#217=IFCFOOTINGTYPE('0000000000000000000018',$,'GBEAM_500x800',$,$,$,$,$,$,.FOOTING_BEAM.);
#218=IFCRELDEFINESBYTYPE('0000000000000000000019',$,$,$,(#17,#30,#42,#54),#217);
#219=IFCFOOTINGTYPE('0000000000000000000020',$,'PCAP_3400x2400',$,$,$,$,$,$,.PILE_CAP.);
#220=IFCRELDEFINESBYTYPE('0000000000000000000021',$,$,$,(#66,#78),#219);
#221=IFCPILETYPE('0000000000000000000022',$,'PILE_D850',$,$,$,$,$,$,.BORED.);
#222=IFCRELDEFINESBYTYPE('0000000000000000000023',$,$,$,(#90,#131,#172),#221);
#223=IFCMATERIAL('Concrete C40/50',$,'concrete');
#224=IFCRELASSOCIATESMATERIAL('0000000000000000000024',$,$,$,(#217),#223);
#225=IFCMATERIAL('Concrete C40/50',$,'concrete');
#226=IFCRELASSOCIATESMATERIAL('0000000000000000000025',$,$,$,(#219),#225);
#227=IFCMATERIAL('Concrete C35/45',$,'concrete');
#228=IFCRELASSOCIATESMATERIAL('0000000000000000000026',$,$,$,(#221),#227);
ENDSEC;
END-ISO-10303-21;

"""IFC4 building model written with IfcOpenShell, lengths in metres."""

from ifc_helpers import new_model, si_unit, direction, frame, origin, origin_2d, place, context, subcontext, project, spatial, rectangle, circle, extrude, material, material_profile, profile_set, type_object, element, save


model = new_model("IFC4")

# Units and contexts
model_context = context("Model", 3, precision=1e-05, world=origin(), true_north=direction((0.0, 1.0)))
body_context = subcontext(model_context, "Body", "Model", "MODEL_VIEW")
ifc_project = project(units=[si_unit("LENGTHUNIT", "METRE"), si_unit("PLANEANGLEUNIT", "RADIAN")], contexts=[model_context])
————————
▸ What this task involves
Copy each line above where the string "IFCFOOTINGTYPE" occurs.

▸ Reply
#217=IFCFOOTINGTYPE('0000000000000000000018',$,'GBEAM_500x800',$,$,$,$,$,$,.FOOTING_BEAM.);
#219=IFCFOOTINGTYPE('0000000000000000000020',$,'PCAP_3400x2400',$,$,$,$,$,$,.PILE_CAP.);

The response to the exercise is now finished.